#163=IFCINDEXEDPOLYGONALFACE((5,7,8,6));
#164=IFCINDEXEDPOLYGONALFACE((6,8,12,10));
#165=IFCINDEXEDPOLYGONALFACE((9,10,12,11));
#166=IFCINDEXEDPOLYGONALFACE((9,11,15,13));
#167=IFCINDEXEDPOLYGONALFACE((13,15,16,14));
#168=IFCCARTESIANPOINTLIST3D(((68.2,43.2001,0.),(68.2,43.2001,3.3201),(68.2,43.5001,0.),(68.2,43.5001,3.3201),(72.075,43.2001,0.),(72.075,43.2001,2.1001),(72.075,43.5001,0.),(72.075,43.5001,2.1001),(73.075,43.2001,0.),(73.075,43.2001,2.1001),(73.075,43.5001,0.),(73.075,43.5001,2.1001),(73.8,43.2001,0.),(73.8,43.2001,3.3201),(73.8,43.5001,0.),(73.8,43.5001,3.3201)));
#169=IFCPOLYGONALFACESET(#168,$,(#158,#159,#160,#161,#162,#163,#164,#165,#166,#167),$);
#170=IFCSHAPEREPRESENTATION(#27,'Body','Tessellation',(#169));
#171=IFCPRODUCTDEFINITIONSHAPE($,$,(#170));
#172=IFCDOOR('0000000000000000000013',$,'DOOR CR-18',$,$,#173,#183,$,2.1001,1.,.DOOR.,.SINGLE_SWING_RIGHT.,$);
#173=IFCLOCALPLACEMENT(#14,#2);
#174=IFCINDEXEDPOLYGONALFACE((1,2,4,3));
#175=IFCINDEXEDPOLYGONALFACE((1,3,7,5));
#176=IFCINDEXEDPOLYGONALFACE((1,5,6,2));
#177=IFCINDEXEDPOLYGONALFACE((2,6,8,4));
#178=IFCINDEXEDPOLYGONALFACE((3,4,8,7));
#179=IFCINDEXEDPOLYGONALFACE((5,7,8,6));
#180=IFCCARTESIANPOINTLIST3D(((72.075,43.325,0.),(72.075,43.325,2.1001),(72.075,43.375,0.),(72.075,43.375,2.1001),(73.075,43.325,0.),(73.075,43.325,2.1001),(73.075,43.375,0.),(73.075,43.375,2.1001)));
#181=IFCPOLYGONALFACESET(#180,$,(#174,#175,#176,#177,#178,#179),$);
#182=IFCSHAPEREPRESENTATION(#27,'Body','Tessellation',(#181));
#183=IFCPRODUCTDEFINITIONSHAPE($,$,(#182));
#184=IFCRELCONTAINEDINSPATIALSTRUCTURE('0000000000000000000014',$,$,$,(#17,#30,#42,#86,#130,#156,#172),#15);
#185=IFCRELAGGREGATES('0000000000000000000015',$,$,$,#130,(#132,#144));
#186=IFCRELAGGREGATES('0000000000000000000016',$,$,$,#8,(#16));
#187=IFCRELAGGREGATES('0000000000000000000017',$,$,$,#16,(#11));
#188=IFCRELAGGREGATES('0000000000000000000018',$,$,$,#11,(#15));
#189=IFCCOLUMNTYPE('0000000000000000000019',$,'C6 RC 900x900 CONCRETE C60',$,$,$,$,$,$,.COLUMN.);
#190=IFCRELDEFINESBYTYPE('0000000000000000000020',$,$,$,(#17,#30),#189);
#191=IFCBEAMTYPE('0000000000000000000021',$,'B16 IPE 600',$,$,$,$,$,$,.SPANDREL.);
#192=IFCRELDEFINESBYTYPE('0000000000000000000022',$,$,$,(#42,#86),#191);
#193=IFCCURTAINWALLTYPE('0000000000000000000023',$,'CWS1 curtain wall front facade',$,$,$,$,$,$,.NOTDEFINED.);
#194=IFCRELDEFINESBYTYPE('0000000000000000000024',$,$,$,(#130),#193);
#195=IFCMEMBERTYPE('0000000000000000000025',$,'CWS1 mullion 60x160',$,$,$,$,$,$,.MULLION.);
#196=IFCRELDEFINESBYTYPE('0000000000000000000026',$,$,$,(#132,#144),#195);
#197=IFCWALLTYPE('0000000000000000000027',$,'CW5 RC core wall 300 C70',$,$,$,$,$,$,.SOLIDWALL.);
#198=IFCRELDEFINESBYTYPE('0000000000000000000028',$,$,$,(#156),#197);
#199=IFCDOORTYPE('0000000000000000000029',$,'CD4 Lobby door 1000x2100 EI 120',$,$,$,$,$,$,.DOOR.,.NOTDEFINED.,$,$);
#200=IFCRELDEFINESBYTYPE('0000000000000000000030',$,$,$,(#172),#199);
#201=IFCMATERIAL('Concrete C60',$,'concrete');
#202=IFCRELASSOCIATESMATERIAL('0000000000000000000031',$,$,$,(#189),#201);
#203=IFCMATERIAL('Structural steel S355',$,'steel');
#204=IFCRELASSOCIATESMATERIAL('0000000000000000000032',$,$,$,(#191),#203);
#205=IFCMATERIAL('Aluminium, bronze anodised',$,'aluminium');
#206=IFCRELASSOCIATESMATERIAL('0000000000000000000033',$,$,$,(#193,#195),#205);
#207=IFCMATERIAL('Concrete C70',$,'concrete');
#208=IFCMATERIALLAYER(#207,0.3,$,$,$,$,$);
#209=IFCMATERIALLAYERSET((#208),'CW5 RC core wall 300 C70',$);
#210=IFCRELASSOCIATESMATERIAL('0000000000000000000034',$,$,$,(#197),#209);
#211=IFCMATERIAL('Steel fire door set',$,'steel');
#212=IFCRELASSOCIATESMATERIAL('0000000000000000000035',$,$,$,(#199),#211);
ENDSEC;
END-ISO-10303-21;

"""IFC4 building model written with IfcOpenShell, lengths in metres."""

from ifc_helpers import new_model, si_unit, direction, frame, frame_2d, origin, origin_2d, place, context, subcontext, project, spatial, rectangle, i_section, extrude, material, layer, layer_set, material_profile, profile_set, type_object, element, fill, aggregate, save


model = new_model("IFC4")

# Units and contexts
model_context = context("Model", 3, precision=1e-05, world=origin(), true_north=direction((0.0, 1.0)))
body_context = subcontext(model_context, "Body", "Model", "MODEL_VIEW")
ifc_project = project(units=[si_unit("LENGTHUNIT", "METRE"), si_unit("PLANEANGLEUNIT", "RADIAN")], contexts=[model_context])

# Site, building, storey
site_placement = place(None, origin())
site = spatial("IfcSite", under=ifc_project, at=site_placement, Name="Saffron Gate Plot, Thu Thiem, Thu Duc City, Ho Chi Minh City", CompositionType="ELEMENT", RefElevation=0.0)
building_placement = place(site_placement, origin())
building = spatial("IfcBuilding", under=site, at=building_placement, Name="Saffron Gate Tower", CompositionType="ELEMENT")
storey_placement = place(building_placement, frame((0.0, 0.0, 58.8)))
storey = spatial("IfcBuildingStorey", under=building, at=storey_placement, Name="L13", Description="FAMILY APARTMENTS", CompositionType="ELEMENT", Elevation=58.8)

────

# WORK TASK
Give the exact lines, and only those, from the line containing "#173=IFCLOCALPLACEMENT(#14,#2);" through the line containing "#179=IFCINDEXEDPOLYGONALFACE((5,7,8,6));" in the entries above.

# TASK SOLUTION
#173=IFCLOCALPLACEMENT(#14,#2);
#174=IFCINDEXEDPOLYGONALFACE((1,2,4,3));
#175=IFCINDEXEDPOLYGONALFACE((1,3,7,5));
#176=IFCINDEXEDPOLYGONALFACE((1,5,6,2));
#177=IFCINDEXEDPOLYGONALFACE((2,6,8,4));
#178=IFCINDEXEDPOLYGONALFACE((3,4,8,7));
#179=IFCINDEXEDPOLYGONALFACE((5,7,8,6));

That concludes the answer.